• _Work instruction_
Look for "glass" in the records and copy every line that has it.

···

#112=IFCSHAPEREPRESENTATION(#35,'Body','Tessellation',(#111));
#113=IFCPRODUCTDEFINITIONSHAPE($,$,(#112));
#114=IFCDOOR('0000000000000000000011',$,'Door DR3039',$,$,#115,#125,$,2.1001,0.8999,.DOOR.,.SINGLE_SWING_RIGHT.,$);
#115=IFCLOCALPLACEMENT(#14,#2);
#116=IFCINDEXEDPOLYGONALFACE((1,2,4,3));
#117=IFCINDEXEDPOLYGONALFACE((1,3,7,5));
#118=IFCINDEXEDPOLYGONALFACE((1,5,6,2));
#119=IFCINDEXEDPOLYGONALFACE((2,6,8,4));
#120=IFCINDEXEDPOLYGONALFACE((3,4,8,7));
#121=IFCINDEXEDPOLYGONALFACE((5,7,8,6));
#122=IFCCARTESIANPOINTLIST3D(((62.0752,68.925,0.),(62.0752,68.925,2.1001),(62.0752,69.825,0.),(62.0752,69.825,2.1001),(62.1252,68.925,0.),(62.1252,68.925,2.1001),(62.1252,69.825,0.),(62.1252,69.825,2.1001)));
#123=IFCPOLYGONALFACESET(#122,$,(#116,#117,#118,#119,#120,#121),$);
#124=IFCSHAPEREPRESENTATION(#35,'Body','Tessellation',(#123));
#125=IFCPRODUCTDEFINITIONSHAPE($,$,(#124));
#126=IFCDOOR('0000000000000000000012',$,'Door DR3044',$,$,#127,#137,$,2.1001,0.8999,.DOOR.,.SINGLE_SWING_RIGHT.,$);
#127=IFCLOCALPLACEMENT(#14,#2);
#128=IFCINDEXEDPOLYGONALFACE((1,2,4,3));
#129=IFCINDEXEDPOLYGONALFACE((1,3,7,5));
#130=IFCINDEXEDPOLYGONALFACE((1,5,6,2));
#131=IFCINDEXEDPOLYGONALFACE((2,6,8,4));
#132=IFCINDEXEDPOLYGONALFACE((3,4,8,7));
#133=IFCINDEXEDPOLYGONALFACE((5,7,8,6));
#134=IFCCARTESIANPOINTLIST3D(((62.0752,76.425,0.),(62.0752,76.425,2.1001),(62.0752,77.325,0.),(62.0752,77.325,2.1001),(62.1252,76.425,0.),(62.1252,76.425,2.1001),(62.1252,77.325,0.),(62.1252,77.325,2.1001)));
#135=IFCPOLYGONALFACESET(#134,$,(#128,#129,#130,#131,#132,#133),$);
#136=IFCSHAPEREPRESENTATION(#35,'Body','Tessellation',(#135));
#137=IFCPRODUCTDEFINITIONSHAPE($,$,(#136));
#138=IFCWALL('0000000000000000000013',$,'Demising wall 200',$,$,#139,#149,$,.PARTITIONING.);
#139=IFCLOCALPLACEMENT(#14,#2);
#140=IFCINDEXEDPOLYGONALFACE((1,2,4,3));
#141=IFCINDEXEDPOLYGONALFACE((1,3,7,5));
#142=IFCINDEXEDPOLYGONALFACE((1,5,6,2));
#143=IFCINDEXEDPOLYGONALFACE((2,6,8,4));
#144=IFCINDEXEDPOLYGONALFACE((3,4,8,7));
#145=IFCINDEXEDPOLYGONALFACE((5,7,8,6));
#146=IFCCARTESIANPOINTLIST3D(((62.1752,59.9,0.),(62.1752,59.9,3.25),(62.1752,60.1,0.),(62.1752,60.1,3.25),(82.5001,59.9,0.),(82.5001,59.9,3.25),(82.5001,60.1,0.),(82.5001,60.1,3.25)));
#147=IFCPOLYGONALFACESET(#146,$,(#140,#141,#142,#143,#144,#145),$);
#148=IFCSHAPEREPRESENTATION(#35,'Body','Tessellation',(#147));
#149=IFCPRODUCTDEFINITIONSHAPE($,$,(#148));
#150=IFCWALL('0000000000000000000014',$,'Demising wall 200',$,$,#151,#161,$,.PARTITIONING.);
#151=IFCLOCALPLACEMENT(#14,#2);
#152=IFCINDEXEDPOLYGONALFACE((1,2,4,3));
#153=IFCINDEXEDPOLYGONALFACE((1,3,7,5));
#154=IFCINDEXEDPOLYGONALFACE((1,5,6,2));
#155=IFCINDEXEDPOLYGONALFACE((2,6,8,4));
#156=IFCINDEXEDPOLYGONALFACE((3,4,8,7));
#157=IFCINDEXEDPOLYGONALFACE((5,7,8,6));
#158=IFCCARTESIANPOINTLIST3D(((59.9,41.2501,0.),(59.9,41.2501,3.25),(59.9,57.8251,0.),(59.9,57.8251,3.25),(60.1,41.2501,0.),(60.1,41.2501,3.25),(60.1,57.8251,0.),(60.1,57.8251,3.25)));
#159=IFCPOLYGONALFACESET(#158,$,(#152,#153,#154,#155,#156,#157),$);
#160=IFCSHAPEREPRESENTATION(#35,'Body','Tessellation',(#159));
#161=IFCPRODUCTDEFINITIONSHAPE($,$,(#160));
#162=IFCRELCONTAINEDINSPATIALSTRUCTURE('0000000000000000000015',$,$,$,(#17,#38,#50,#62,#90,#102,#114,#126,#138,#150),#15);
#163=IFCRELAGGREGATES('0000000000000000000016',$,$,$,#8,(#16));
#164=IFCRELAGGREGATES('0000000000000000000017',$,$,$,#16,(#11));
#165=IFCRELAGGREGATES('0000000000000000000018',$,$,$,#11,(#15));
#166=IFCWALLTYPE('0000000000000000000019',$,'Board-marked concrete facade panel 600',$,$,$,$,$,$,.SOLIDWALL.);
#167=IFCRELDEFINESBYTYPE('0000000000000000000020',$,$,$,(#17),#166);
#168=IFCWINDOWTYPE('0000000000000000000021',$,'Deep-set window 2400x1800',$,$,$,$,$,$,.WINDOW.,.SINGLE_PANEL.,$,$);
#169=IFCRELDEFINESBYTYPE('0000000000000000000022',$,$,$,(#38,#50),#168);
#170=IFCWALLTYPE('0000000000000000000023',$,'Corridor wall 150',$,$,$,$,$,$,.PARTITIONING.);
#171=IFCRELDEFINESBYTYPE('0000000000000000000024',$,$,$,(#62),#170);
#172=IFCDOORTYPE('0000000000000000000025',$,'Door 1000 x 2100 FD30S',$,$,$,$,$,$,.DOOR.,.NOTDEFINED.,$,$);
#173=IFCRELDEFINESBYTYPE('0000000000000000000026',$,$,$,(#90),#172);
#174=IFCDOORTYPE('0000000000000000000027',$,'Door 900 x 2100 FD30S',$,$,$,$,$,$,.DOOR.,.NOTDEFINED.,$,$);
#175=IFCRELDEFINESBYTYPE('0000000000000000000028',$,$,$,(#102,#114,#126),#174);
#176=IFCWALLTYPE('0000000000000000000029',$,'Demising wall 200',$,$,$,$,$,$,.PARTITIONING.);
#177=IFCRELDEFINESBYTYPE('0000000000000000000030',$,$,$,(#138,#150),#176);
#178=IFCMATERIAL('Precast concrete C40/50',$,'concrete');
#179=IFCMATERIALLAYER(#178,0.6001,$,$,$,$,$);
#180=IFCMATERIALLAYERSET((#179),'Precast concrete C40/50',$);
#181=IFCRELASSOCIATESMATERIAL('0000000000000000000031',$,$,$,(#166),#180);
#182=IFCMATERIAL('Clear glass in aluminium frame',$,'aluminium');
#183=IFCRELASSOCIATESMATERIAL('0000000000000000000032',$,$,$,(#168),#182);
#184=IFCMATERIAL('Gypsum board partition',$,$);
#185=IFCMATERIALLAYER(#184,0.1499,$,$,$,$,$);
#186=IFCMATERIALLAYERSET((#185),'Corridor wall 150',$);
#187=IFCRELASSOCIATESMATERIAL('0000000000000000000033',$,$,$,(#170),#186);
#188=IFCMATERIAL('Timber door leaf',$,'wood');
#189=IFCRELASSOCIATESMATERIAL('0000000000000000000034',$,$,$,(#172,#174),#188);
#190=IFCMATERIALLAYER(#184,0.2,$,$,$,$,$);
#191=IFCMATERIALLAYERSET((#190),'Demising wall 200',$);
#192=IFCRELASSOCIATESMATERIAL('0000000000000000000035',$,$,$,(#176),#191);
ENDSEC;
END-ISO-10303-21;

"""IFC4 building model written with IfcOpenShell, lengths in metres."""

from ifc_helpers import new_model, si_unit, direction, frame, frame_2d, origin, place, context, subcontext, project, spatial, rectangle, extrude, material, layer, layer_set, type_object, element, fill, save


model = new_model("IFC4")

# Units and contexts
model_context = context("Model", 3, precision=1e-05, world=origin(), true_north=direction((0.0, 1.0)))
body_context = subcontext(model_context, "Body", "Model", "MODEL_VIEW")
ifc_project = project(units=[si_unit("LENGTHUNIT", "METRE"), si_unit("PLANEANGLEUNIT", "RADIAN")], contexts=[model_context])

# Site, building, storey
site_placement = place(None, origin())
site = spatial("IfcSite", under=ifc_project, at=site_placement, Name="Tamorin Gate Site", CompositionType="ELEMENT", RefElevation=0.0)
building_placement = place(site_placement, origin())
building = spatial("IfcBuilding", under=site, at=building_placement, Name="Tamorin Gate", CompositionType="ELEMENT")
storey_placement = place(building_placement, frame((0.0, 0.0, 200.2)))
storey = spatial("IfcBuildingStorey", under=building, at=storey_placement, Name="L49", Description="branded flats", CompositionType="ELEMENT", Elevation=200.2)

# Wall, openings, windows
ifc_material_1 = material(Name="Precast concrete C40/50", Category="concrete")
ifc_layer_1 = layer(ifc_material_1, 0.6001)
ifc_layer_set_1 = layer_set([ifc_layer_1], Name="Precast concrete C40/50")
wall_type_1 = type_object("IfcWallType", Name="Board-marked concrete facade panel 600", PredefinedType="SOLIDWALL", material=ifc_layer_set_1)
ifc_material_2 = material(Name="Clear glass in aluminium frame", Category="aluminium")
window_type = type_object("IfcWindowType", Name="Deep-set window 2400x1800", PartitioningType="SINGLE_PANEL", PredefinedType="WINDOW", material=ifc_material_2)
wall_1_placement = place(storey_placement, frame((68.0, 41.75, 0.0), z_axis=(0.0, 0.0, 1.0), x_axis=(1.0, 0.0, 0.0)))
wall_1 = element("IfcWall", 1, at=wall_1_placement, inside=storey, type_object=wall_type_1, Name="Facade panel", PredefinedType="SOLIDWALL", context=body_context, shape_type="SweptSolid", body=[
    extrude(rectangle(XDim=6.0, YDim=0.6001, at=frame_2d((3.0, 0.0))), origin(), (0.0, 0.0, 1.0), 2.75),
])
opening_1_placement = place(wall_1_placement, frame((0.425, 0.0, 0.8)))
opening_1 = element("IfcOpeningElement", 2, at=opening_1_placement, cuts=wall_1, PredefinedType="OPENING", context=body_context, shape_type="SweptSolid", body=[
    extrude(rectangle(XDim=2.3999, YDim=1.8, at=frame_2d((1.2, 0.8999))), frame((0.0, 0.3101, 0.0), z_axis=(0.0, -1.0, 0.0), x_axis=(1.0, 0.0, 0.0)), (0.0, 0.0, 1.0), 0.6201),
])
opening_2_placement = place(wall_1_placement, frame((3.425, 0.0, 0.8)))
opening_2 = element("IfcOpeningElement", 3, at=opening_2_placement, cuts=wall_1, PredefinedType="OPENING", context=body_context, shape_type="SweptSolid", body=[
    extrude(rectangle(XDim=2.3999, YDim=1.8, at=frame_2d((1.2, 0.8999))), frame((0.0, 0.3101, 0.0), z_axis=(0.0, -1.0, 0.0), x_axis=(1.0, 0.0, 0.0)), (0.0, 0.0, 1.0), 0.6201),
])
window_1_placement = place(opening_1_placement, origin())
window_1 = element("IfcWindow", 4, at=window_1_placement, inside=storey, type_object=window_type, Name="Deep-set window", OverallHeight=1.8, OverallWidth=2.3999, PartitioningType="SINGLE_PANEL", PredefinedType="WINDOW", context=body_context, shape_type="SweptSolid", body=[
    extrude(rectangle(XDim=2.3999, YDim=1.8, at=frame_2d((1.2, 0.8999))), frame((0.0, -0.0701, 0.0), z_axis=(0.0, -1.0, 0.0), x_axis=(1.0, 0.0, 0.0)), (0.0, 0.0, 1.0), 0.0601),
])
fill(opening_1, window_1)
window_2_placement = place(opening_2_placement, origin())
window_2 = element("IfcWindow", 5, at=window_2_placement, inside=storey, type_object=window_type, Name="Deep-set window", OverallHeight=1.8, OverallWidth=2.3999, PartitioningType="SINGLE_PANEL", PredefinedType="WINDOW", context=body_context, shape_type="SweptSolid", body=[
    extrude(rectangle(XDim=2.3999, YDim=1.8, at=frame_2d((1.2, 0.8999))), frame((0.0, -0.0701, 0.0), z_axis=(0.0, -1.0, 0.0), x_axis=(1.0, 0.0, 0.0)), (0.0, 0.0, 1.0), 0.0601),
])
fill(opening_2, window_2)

···

• _Answer to this exercise_
#182=IFCMATERIAL('Clear glass in aluminium frame',$,'aluminium');
ifc_material_2 = material(Name="Clear glass in aluminium frame", Category="aluminium")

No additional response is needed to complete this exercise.